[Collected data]
──────

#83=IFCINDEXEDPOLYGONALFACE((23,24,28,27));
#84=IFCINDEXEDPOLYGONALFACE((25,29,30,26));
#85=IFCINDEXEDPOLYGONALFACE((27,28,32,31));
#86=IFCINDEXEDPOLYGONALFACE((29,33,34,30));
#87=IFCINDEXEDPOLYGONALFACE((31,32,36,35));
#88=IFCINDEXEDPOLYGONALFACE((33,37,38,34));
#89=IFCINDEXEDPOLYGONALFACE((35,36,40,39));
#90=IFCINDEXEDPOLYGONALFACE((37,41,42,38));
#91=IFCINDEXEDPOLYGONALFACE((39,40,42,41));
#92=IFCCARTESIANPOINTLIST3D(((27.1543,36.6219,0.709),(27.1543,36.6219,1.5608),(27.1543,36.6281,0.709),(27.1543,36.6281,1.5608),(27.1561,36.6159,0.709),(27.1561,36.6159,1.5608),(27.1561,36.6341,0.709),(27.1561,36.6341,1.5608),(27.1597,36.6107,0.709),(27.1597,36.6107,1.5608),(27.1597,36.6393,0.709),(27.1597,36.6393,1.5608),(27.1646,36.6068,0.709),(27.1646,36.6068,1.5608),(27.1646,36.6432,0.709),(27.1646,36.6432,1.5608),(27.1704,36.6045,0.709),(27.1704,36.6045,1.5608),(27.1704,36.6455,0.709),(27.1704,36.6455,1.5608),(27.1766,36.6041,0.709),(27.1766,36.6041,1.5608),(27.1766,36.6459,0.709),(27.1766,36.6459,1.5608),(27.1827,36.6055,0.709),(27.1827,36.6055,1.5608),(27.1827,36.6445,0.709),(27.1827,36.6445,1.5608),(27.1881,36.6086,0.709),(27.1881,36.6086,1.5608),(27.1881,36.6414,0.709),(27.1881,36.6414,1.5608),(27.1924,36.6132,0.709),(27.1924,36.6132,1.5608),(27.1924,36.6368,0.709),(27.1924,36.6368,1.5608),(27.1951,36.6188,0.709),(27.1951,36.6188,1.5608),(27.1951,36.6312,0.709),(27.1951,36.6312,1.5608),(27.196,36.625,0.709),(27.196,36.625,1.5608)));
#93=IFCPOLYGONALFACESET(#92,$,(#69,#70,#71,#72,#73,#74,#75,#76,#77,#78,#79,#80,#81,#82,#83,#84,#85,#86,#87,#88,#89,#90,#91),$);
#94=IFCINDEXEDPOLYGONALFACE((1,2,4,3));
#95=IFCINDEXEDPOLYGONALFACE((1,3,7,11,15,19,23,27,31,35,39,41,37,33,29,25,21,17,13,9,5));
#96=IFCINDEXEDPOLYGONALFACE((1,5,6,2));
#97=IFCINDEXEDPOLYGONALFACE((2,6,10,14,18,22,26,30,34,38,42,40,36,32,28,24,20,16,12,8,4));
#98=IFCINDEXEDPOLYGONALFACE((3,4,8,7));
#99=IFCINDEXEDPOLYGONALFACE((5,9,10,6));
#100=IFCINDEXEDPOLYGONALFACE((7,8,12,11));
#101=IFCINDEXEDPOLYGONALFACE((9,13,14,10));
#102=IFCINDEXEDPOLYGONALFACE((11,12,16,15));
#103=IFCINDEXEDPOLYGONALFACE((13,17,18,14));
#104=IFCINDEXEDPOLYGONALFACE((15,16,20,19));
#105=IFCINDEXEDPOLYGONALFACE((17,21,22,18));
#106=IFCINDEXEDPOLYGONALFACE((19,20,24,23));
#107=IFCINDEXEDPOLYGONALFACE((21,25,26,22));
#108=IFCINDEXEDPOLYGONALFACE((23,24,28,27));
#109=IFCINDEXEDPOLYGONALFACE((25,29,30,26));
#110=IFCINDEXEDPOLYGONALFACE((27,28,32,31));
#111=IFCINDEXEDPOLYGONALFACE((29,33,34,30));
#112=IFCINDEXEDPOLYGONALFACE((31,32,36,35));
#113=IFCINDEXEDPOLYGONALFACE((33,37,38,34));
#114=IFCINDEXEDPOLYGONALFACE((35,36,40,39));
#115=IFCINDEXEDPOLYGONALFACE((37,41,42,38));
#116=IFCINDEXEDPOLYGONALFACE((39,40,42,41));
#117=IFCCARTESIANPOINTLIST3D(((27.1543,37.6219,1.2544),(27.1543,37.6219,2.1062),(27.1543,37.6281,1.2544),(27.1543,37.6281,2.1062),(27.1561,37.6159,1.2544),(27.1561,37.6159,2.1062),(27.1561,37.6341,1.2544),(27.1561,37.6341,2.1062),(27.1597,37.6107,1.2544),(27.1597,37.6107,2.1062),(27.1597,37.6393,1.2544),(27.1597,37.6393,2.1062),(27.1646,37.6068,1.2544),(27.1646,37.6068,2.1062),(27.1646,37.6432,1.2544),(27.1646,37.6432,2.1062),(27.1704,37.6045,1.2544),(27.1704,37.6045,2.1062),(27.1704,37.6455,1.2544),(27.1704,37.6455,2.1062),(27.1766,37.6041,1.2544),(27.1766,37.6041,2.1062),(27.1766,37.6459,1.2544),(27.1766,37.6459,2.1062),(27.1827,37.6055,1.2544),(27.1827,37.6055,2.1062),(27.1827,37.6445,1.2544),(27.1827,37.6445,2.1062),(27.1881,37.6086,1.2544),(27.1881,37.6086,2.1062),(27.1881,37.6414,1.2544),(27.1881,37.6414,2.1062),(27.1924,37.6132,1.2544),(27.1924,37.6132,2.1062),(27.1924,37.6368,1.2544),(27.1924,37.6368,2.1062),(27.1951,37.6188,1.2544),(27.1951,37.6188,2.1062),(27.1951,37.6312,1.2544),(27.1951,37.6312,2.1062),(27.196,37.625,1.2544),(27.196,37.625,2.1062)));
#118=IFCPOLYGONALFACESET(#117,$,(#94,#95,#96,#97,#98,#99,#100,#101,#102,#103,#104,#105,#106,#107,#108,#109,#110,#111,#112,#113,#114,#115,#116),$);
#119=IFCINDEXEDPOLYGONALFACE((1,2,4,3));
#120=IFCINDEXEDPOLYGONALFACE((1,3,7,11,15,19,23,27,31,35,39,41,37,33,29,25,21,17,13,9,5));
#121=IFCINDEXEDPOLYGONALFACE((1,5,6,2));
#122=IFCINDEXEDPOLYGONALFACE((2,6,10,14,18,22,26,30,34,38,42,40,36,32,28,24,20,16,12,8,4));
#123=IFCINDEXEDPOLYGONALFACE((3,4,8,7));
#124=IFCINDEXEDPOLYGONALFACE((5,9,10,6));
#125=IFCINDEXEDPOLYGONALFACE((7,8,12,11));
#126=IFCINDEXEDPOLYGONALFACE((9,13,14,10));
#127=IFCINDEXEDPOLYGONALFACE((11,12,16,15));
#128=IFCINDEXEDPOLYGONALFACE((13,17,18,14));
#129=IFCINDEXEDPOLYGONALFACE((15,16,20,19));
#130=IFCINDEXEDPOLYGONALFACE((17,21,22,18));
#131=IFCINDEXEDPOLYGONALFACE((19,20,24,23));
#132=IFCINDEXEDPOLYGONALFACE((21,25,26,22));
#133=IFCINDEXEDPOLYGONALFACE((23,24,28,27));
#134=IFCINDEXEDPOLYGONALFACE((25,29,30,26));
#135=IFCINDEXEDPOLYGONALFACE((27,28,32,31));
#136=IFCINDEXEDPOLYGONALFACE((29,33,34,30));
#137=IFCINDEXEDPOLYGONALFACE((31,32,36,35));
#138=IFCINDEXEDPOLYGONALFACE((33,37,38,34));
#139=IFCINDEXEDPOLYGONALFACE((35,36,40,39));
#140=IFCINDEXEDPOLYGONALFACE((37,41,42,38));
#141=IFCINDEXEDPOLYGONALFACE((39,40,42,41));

──────

All lines from the one containing "#121=IFCINDEXEDPOLYGONALFACE((1,5,6,2));" to the end of the records, both ends included, should be printed exactly and on their own.

#121=IFCINDEXEDPOLYGONALFACE((1,5,6,2));
#122=IFCINDEXEDPOLYGONALFACE((2,6,10,14,18,22,26,30,34,38,42,40,36,32,28,24,20,16,12,8,4));
#123=IFCINDEXEDPOLYGONALFACE((3,4,8,7));
#124=IFCINDEXEDPOLYGONALFACE((5,9,10,6));
#125=IFCINDEXEDPOLYGONALFACE((7,8,12,11));
#126=IFCINDEXEDPOLYGONALFACE((9,13,14,10));
#127=IFCINDEXEDPOLYGONALFACE((11,12,16,15));
#128=IFCINDEXEDPOLYGONALFACE((13,17,18,14));
#129=IFCINDEXEDPOLYGONALFACE((15,16,20,19));
#130=IFCINDEXEDPOLYGONALFACE((17,21,22,18));
#131=IFCINDEXEDPOLYGONALFACE((19,20,24,23));
#132=IFCINDEXEDPOLYGONALFACE((21,25,26,22));
#133=IFCINDEXEDPOLYGONALFACE((23,24,28,27));
#134=IFCINDEXEDPOLYGONALFACE((25,29,30,26));
#135=IFCINDEXEDPOLYGONALFACE((27,28,32,31));
#136=IFCINDEXEDPOLYGONALFACE((29,33,34,30));
#137=IFCINDEXEDPOLYGONALFACE((31,32,36,35));
#138=IFCINDEXEDPOLYGONALFACE((33,37,38,34));
#139=IFCINDEXEDPOLYGONALFACE((35,36,40,39));
#140=IFCINDEXEDPOLYGONALFACE((37,41,42,38));
#141=IFCINDEXEDPOLYGONALFACE((39,40,42,41));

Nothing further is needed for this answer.